● **MATERIAL FOR THE TASK**:
- Opening Delimiter -

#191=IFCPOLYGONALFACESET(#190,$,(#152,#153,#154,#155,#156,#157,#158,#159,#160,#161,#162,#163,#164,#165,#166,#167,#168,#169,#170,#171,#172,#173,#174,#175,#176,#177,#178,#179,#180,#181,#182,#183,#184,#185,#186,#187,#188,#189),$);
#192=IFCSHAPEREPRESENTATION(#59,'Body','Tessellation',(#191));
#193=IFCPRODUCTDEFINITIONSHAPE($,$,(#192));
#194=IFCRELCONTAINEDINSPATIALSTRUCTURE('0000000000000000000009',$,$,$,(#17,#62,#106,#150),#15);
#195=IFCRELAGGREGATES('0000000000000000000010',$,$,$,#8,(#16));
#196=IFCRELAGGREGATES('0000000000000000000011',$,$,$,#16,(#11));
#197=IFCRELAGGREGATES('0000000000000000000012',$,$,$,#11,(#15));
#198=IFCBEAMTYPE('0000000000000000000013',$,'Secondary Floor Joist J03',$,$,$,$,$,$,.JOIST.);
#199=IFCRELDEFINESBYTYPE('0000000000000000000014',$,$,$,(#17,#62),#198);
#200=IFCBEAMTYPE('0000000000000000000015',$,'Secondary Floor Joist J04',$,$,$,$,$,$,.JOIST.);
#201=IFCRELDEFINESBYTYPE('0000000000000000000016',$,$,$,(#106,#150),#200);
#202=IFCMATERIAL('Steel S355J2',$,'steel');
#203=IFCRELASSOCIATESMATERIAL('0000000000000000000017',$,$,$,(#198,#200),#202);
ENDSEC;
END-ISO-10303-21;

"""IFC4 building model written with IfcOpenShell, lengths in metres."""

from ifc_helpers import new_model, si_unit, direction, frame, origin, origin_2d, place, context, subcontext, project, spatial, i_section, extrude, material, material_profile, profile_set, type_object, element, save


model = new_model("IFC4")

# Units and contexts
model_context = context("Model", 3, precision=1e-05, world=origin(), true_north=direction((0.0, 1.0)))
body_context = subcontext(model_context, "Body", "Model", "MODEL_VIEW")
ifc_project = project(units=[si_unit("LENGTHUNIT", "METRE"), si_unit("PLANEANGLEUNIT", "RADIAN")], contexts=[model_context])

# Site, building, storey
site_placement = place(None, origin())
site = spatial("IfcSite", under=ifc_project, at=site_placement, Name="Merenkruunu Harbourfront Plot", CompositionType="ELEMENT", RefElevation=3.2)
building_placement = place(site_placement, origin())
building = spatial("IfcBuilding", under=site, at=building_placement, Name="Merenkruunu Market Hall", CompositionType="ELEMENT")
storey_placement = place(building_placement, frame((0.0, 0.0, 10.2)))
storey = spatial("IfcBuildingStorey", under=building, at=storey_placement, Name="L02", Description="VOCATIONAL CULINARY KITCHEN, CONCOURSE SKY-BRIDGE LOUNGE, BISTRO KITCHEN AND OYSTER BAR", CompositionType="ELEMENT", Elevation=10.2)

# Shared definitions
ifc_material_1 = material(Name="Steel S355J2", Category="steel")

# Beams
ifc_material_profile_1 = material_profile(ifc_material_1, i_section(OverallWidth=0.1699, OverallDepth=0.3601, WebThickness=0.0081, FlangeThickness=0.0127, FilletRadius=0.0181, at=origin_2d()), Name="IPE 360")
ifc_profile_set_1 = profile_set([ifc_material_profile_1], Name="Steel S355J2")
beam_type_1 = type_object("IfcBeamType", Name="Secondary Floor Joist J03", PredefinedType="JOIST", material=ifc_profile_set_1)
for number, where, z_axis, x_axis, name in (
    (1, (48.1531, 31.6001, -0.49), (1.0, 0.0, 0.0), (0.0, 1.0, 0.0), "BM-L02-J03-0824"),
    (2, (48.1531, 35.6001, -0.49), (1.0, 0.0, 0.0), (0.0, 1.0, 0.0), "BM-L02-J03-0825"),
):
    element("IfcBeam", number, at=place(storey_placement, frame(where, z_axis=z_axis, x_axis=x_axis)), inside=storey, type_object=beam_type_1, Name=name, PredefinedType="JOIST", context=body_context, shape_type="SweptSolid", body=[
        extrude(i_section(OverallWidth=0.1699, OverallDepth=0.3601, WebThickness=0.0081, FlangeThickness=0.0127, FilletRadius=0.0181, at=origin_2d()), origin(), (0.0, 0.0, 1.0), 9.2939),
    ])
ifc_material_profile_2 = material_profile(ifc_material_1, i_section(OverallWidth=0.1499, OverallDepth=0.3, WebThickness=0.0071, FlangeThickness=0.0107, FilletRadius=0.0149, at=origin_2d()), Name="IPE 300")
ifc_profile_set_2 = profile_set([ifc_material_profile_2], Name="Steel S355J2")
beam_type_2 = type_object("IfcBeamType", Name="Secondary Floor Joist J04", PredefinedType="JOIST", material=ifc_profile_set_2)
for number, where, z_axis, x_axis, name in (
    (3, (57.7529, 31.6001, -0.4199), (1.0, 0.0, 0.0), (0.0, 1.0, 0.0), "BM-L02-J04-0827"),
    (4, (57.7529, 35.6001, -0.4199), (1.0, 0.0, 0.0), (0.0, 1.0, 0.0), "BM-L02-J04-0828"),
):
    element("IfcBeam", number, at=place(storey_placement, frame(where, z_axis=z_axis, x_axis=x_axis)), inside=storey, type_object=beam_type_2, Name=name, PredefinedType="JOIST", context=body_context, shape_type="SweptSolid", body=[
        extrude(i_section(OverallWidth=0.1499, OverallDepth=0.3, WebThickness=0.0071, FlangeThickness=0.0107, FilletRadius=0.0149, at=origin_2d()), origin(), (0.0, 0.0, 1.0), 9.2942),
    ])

- Closing Delimiter -

● **ABOUT THIS EXERCISE**: From the first line through the last, repeat the entries exactly.

● **TASK OUTPUT**:
#191=IFCPOLYGONALFACESET(#190,$,(#152,#153,#154,#155,#156,#157,#158,#159,#160,#161,#162,#163,#164,#165,#166,#167,#168,#169,#170,#171,#172,#173,#174,#175,#176,#177,#178,#179,#180,#181,#182,#183,#184,#185,#186,#187,#188,#189),$);
#192=IFCSHAPEREPRESENTATION(#59,'Body','Tessellation',(#191));
#193=IFCPRODUCTDEFINITIONSHAPE($,$,(#192));
#194=IFCRELCONTAINEDINSPATIALSTRUCTURE('0000000000000000000009',$,$,$,(#17,#62,#106,#150),#15);
#195=IFCRELAGGREGATES('0000000000000000000010',$,$,$,#8,(#16));
#196=IFCRELAGGREGATES('0000000000000000000011',$,$,$,#16,(#11));
#197=IFCRELAGGREGATES('0000000000000000000012',$,$,$,#11,(#15));
#198=IFCBEAMTYPE('0000000000000000000013',$,'Secondary Floor Joist J03',$,$,$,$,$,$,.JOIST.);
#199=IFCRELDEFINESBYTYPE('0000000000000000000014',$,$,$,(#17,#62),#198);
#200=IFCBEAMTYPE('0000000000000000000015',$,'Secondary Floor Joist J04',$,$,$,$,$,$,.JOIST.);
#201=IFCRELDEFINESBYTYPE('0000000000000000000016',$,$,$,(#106,#150),#200);
#202=IFCMATERIAL('Steel S355J2',$,'steel');
#203=IFCRELASSOCIATESMATERIAL('0000000000000000000017',$,$,$,(#198,#200),#202);
ENDSEC;
END-ISO-10303-21;

"""IFC4 building model written with IfcOpenShell, lengths in metres."""

from ifc_helpers import new_model, si_unit, direction, frame, origin, origin_2d, place, context, subcontext, project, spatial, i_section, extrude, material, material_profile, profile_set, type_object, element, save


model = new_model("IFC4")

# Units and contexts
model_context = context("Model", 3, precision=1e-05, world=origin(), true_north=direction((0.0, 1.0)))
body_context = subcontext(model_context, "Body", "Model", "MODEL_VIEW")
ifc_project = project(units=[si_unit("LENGTHUNIT", "METRE"), si_unit("PLANEANGLEUNIT", "RADIAN")], contexts=[model_context])

# Site, building, storey
site_placement = place(None, origin())
site = spatial("IfcSite", under=ifc_project, at=site_placement, Name="Merenkruunu Harbourfront Plot", CompositionType="ELEMENT", RefElevation=3.2)
building_placement = place(site_placement, origin())
building = spatial("IfcBuilding", under=site, at=building_placement, Name="Merenkruunu Market Hall", CompositionType="ELEMENT")
storey_placement = place(building_placement, frame((0.0, 0.0, 10.2)))
storey = spatial("IfcBuildingStorey", under=building, at=storey_placement, Name="L02", Description="VOCATIONAL CULINARY KITCHEN, CONCOURSE SKY-BRIDGE LOUNGE, BISTRO KITCHEN AND OYSTER BAR", CompositionType="ELEMENT", Elevation=10.2)

# Shared definitions
ifc_material_1 = material(Name="Steel S355J2", Category="steel")

# Beams
ifc_material_profile_1 = material_profile(ifc_material_1, i_section(OverallWidth=0.1699, OverallDepth=0.3601, WebThickness=0.0081, FlangeThickness=0.0127, FilletRadius=0.0181, at=origin_2d()), Name="IPE 360")
ifc_profile_set_1 = profile_set([ifc_material_profile_1], Name="Steel S355J2")
beam_type_1 = type_object("IfcBeamType", Name="Secondary Floor Joist J03", PredefinedType="JOIST", material=ifc_profile_set_1)
for number, where, z_axis, x_axis, name in (
    (1, (48.1531, 31.6001, -0.49), (1.0, 0.0, 0.0), (0.0, 1.0, 0.0), "BM-L02-J03-0824"),
    (2, (48.1531, 35.6001, -0.49), (1.0, 0.0, 0.0), (0.0, 1.0, 0.0), "BM-L02-J03-0825"),
):
    element("IfcBeam", number, at=place(storey_placement, frame(where, z_axis=z_axis, x_axis=x_axis)), inside=storey, type_object=beam_type_1, Name=name, PredefinedType="JOIST", context=body_context, shape_type="SweptSolid", body=[
        extrude(i_section(OverallWidth=0.1699, OverallDepth=0.3601, WebThickness=0.0081, FlangeThickness=0.0127, FilletRadius=0.0181, at=origin_2d()), origin(), (0.0, 0.0, 1.0), 9.2939),
    ])
ifc_material_profile_2 = material_profile(ifc_material_1, i_section(OverallWidth=0.1499, OverallDepth=0.3, WebThickness=0.0071, FlangeThickness=0.0107, FilletRadius=0.0149, at=origin_2d()), Name="IPE 300")
ifc_profile_set_2 = profile_set([ifc_material_profile_2], Name="Steel S355J2")
beam_type_2 = type_object("IfcBeamType", Name="Secondary Floor Joist J04", PredefinedType="JOIST", material=ifc_profile_set_2)
for number, where, z_axis, x_axis, name in (
    (3, (57.7529, 31.6001, -0.4199), (1.0, 0.0, 0.0), (0.0, 1.0, 0.0), "BM-L02-J04-0827"),
    (4, (57.7529, 35.6001, -0.4199), (1.0, 0.0, 0.0), (0.0, 1.0, 0.0), "BM-L02-J04-0828"),
):
    element("IfcBeam", number, at=place(storey_placement, frame(where, z_axis=z_axis, x_axis=x_axis)), inside=storey, type_object=beam_type_2, Name=name, PredefinedType="JOIST", context=body_context, shape_type="SweptSolid", body=[
        extrude(i_section(OverallWidth=0.1499, OverallDepth=0.3, WebThickness=0.0071, FlangeThickness=0.0107, FilletRadius=0.0149, at=origin_2d()), origin(), (0.0, 0.0, 1.0), 9.2942),
    ])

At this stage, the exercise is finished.